> _Directions_:
If a line in the entries contains the string "IFCRELASSOCIATESMATERIAL", include that line in your answer.

==== Data listing ====

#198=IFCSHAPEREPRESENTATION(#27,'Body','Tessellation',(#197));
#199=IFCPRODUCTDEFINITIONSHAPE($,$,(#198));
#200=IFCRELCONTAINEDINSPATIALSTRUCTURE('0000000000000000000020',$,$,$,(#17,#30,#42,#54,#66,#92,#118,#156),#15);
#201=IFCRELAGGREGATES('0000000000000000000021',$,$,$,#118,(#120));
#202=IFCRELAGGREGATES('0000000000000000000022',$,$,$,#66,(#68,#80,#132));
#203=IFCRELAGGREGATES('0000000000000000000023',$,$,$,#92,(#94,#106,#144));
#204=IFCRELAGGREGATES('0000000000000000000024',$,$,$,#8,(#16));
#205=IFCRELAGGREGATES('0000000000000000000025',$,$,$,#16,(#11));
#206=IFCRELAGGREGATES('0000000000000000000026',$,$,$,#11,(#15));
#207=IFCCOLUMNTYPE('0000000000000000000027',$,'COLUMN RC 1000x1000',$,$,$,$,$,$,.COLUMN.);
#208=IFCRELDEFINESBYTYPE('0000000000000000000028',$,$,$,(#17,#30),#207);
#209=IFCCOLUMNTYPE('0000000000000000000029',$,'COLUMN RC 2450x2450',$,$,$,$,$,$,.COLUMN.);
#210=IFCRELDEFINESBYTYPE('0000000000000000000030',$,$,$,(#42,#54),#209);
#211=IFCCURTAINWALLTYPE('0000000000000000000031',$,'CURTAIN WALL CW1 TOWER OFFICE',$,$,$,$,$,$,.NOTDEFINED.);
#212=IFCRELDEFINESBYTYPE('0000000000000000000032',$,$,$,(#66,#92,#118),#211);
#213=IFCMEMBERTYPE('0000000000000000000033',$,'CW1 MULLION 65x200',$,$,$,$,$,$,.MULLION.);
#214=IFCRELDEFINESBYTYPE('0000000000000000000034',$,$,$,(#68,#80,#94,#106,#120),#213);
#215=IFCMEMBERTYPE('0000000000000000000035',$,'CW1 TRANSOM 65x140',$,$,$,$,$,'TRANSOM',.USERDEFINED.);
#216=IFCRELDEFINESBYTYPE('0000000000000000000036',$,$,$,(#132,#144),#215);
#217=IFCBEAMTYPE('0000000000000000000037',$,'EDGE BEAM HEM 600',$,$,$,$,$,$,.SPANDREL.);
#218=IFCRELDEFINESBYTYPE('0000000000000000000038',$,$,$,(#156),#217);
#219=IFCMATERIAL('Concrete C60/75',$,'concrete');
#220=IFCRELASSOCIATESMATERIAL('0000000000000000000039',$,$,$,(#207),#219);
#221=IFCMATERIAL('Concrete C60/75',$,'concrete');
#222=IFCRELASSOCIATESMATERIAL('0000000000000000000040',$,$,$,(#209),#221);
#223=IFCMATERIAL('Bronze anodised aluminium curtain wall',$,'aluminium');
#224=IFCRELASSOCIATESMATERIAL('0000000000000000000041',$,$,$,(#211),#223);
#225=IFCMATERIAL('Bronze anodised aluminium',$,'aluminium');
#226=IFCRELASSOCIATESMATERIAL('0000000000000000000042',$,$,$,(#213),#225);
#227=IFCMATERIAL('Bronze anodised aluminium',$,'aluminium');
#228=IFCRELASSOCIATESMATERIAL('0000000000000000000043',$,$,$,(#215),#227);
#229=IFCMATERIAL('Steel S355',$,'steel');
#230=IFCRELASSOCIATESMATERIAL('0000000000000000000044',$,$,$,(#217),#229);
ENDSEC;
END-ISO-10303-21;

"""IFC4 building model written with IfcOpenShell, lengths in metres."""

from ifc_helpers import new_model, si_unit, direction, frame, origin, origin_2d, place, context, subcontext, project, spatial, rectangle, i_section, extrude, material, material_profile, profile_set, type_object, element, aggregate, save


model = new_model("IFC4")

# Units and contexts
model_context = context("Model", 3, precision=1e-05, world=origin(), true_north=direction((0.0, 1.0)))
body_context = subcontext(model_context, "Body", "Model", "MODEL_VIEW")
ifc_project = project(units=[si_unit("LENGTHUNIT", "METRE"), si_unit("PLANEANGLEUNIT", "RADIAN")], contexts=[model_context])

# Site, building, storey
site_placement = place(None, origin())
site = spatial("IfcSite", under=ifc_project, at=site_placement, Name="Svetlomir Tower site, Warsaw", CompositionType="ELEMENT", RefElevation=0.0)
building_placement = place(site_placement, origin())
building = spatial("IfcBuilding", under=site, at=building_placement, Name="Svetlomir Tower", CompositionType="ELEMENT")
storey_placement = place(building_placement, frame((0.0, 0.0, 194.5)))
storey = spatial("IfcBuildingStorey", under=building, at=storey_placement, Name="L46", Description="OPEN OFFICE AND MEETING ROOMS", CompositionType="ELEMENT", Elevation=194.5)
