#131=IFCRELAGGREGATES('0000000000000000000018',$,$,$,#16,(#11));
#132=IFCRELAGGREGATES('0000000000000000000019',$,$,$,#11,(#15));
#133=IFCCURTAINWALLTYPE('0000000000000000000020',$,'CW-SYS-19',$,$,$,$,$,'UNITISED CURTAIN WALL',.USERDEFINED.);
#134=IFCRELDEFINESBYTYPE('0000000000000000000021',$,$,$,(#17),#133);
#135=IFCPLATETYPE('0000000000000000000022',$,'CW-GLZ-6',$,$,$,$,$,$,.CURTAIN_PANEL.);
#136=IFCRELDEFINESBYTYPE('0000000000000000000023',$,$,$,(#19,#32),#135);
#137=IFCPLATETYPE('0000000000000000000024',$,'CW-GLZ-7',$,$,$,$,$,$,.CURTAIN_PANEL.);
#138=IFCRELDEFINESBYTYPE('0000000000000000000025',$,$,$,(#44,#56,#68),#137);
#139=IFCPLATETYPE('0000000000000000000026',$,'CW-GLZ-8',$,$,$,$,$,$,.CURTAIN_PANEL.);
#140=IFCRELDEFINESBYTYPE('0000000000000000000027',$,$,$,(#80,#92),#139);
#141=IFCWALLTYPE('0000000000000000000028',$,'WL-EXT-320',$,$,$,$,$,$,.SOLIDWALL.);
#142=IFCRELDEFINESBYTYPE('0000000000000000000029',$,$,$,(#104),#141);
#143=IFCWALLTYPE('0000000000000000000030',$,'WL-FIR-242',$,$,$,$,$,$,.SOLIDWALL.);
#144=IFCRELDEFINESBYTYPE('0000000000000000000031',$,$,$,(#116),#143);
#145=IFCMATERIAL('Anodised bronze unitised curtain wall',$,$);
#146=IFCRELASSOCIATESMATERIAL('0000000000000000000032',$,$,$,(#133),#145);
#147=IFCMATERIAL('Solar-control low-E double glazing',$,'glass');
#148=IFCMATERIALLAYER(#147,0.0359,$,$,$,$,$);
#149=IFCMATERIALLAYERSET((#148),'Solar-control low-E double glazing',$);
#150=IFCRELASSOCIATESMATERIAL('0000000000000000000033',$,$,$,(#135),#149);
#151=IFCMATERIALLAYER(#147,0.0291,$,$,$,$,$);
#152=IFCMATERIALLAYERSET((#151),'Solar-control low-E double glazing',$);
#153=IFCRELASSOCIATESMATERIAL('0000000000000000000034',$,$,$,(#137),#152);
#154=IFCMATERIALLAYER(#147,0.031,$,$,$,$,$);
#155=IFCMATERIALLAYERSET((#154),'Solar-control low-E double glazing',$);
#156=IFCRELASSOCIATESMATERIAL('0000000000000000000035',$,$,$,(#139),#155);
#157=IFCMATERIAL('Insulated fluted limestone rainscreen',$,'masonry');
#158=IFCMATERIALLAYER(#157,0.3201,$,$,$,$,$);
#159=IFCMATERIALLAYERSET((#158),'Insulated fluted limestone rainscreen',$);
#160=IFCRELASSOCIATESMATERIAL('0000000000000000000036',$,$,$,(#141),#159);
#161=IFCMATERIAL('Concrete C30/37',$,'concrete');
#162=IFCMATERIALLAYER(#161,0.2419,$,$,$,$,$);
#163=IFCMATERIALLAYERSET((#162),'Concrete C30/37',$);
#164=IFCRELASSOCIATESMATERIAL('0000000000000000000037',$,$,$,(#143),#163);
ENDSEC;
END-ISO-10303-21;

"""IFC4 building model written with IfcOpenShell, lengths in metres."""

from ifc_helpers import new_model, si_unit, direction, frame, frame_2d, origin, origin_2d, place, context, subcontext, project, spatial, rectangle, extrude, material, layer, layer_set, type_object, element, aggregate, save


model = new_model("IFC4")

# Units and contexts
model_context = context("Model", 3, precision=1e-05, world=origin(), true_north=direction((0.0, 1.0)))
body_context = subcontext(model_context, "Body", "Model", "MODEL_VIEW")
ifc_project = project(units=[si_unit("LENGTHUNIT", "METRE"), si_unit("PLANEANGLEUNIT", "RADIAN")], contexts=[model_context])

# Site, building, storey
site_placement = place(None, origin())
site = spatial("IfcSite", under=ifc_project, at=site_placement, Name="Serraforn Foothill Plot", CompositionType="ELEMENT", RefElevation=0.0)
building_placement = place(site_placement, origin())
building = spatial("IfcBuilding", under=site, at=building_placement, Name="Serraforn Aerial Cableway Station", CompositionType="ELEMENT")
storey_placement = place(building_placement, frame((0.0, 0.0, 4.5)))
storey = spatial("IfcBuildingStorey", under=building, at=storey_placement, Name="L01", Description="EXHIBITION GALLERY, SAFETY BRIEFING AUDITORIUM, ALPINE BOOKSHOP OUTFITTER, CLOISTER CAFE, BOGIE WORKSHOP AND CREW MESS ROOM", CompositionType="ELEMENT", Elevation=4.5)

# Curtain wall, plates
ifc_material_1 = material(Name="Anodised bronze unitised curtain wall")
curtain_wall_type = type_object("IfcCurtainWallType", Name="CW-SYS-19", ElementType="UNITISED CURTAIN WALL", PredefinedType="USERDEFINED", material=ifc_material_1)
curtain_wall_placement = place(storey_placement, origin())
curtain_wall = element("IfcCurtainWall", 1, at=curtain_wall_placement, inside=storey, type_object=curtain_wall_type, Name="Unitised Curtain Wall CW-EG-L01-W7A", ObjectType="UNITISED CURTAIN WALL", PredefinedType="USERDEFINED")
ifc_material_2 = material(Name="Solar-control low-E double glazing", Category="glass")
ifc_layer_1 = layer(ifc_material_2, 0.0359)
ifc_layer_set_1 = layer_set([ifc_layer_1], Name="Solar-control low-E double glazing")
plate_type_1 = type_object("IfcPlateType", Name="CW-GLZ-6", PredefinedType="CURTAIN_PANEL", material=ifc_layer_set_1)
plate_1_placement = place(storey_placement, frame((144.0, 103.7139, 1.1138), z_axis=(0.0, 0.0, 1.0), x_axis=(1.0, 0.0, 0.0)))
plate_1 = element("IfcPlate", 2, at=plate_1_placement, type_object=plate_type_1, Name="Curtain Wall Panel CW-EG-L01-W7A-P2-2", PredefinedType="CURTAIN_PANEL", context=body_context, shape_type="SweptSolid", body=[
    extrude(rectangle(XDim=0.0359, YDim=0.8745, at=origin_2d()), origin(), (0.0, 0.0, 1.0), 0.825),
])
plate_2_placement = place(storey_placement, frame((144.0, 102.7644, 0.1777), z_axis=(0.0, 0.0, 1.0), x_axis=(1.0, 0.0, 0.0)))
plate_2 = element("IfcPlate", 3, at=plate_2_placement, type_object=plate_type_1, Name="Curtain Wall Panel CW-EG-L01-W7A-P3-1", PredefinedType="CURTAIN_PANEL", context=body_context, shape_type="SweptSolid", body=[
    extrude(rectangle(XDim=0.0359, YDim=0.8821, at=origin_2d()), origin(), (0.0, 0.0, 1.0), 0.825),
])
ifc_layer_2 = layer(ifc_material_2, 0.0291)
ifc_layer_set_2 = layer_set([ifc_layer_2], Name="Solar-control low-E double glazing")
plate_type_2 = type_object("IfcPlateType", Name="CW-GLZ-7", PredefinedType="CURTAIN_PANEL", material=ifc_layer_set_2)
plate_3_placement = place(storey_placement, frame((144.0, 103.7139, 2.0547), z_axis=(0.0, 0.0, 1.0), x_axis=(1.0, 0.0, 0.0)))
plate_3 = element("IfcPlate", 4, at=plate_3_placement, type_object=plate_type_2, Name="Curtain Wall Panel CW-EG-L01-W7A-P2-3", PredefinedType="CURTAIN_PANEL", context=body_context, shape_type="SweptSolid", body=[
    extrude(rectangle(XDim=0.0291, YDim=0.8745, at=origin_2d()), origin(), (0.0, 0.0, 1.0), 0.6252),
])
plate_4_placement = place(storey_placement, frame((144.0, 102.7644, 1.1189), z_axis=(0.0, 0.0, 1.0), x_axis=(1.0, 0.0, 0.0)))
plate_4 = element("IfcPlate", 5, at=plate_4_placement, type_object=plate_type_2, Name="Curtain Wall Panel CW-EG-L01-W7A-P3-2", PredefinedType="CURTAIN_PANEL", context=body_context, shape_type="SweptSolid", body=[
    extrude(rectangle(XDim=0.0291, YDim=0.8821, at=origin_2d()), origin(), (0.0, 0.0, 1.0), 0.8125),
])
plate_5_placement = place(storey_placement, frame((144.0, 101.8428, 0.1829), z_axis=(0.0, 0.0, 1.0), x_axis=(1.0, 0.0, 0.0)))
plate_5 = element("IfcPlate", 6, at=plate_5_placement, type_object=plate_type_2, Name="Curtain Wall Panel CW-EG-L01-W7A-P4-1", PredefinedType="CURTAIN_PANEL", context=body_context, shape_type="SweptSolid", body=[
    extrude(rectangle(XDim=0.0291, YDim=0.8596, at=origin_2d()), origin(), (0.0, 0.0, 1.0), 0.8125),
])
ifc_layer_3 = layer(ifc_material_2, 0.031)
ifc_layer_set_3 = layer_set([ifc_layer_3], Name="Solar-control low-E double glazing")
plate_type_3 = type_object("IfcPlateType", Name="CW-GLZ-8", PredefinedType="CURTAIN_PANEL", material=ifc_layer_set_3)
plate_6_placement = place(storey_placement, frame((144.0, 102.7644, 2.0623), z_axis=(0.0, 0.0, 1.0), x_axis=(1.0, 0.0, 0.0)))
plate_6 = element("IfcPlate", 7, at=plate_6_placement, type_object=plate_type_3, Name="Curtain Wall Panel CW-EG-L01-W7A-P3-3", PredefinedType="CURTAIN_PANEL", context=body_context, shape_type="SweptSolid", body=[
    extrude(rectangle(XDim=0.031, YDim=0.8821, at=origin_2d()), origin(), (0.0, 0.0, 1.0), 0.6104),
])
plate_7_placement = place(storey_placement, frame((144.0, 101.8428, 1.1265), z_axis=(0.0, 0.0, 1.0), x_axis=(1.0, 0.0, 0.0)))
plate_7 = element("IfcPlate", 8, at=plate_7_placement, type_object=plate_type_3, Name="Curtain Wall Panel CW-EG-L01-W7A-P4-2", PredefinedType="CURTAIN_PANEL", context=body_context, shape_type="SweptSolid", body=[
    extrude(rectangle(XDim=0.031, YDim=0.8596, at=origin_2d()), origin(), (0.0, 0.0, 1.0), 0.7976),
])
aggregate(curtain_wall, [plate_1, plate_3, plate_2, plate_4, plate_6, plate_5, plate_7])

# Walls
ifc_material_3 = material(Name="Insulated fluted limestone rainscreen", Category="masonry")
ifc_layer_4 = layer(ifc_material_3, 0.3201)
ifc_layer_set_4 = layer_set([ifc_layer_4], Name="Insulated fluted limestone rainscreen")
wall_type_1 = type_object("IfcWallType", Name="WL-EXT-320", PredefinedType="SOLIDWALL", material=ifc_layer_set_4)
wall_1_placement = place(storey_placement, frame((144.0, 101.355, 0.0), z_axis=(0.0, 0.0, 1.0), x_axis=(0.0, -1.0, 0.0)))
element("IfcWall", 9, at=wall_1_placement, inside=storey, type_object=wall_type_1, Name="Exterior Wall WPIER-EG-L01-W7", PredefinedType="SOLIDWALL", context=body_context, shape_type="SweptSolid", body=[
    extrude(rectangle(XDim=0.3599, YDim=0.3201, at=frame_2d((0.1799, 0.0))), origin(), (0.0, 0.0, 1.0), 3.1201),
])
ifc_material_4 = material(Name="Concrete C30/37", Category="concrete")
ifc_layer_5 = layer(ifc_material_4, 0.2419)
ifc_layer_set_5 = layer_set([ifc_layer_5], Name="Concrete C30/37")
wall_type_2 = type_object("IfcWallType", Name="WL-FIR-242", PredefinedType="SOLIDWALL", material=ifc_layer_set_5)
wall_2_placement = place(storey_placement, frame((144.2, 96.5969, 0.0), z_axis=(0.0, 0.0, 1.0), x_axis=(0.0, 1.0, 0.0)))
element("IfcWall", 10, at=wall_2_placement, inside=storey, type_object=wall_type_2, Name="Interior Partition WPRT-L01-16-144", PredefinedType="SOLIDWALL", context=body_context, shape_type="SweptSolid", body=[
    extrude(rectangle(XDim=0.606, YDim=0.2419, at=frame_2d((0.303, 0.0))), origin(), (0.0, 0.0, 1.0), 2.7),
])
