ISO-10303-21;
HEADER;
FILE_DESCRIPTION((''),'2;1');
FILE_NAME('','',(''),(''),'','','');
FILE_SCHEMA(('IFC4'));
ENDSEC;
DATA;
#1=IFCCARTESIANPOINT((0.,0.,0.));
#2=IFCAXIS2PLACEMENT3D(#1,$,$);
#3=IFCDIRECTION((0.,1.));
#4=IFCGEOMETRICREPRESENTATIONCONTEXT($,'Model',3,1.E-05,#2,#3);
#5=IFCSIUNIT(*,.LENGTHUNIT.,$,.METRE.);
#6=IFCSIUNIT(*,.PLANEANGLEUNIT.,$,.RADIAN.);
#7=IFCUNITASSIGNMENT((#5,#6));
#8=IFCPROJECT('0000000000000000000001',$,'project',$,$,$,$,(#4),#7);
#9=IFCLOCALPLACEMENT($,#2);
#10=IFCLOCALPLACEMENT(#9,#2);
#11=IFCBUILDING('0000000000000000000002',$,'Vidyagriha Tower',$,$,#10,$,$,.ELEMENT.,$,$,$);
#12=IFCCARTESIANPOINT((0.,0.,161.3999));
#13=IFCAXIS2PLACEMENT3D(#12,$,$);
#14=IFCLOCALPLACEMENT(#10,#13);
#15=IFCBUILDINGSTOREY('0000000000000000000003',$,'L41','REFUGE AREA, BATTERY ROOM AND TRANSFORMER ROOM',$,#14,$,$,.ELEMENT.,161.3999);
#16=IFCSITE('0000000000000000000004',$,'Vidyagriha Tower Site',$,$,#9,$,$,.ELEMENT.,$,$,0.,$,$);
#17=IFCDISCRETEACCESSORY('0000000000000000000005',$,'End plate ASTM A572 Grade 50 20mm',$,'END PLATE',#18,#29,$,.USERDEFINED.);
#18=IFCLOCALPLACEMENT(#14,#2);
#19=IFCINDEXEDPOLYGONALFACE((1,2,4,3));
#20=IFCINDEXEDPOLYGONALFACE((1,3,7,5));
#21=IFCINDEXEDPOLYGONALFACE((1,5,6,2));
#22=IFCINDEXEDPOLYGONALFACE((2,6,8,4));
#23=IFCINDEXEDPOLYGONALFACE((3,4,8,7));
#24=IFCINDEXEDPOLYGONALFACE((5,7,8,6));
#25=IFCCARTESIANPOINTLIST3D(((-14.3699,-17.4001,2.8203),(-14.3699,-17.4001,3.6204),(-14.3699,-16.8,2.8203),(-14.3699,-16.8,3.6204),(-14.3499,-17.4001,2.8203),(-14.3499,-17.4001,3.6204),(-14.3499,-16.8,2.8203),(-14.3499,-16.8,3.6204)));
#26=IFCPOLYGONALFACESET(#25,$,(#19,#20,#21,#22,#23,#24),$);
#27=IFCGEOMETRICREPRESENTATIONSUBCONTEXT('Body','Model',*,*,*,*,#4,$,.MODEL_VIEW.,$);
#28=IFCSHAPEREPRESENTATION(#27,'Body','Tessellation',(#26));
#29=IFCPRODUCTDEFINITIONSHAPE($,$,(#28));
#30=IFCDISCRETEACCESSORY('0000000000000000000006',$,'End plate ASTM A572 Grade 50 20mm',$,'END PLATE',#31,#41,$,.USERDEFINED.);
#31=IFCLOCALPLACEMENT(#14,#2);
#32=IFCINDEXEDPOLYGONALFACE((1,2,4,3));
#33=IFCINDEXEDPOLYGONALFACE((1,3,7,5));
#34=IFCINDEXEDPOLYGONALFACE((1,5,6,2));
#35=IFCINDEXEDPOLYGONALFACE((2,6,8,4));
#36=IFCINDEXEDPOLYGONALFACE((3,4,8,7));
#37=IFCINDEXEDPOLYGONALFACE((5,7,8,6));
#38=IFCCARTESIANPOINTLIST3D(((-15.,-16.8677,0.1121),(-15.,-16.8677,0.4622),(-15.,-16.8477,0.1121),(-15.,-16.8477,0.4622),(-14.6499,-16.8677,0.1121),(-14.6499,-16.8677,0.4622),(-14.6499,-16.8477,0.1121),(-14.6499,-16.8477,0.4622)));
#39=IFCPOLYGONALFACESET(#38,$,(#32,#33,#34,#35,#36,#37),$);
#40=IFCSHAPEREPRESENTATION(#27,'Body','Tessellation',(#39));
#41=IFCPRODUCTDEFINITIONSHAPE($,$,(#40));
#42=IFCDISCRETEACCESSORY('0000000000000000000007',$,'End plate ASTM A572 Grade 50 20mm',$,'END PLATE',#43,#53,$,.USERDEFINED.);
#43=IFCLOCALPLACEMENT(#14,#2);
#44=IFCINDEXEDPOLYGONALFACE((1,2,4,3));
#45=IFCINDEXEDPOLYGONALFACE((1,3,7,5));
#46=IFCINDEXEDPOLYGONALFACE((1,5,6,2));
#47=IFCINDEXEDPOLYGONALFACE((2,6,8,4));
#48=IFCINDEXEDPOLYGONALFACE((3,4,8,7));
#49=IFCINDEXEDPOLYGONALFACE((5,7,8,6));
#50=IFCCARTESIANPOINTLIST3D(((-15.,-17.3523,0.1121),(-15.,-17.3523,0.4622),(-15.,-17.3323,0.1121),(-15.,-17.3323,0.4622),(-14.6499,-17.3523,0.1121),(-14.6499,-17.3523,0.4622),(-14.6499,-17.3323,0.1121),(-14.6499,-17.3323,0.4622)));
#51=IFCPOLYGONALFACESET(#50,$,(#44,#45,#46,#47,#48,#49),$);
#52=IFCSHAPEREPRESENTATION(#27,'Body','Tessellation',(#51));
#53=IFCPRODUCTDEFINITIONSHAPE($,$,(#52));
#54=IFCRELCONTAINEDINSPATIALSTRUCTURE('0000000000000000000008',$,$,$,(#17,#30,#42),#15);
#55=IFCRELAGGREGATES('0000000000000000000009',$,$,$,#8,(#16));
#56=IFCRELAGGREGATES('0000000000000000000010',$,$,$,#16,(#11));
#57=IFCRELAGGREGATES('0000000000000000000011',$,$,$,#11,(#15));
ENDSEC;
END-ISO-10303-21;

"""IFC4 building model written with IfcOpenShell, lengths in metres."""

from ifc_helpers import new_model, si_unit, direction, frame, origin, origin_2d, place, context, subcontext, project, spatial, rectangle, extrude, element, save


model = new_model("IFC4")

# Units and contexts
model_context = context("Model", 3, precision=1e-05, world=origin(), true_north=direction((0.0, 1.0)))
body_context = subcontext(model_context, "Body", "Model", "MODEL_VIEW")
ifc_project = project(units=[si_unit("LENGTHUNIT", "METRE"), si_unit("PLANEANGLEUNIT", "RADIAN")], contexts=[model_context])

# Site, building, storey
site_placement = place(None, origin())
site = spatial("IfcSite", under=ifc_project, at=site_placement, Name="Vidyagriha Tower Site", CompositionType="ELEMENT", RefElevation=0.0)
building_placement = place(site_placement, origin())
building = spatial("IfcBuilding", under=site, at=building_placement, Name="Vidyagriha Tower", CompositionType="ELEMENT")
storey_placement = place(building_placement, frame((0.0, 0.0, 161.3999)))
storey = spatial("IfcBuildingStorey", under=building, at=storey_placement, Name="L41", Description="REFUGE AREA, BATTERY ROOM AND TRANSFORMER ROOM", CompositionType="ELEMENT", Elevation=161.3999)

# Discrete accessories
discrete_accessory_1_placement = place(storey_placement, frame((-14.3599, -17.1001, 2.8203)))
element("IfcDiscreteAccessory", 1, at=discrete_accessory_1_placement, inside=storey, Name="End plate ASTM A572 Grade 50 20mm", ObjectType="END PLATE", PredefinedType="USERDEFINED", context=body_context, shape_type="SweptSolid", body=[
    extrude(rectangle(XDim=0.02, YDim=0.6001, at=origin_2d()), origin(), (0.0, 0.0, 1.0), 0.8),
])
for number, where, name in (
    (2, (-14.825, -16.8577, 0.1121), "End plate ASTM A572 Grade 50 20mm"),
    (3, (-14.825, -17.3423, 0.1121), "End plate ASTM A572 Grade 50 20mm"),
):
    element("IfcDiscreteAccessory", number, at=place(storey_placement, frame(where)), inside=storey, Name=name, ObjectType="END PLATE", PredefinedType="USERDEFINED", context=body_context, shape_type="SweptSolid", body=[
        extrude(rectangle(XDim=0.3501, YDim=0.02, at=origin_2d()), origin(), (0.0, 0.0, 1.0), 0.3501),
    ])

save(model, "model.ifc")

====

> _Response_:
#220=IFCRELASSOCIATESMATERIAL('0000000000000000000039',$,$,$,(#207),#219);
#222=IFCRELASSOCIATESMATERIAL('0000000000000000000040',$,$,$,(#209),#221);
#224=IFCRELASSOCIATESMATERIAL('0000000000000000000041',$,$,$,(#211),#223);
#226=IFCRELASSOCIATESMATERIAL('0000000000000000000042',$,$,$,(#213),#225);
#228=IFCRELASSOCIATESMATERIAL('0000000000000000000043',$,$,$,(#215),#227);
#230=IFCRELASSOCIATESMATERIAL('0000000000000000000044',$,$,$,(#217),#229);
#146=IFCRELASSOCIATESMATERIAL('0000000000000000000032',$,$,$,(#133),#145);
#150=IFCRELASSOCIATESMATERIAL('0000000000000000000033',$,$,$,(#135),#149);
#153=IFCRELASSOCIATESMATERIAL('0000000000000000000034',$,$,$,(#137),#152);
#156=IFCRELASSOCIATESMATERIAL('0000000000000000000035',$,$,$,(#139),#155);
#160=IFCRELASSOCIATESMATERIAL('0000000000000000000036',$,$,$,(#141),#159);
#164=IFCRELASSOCIATESMATERIAL('0000000000000000000037',$,$,$,(#143),#163);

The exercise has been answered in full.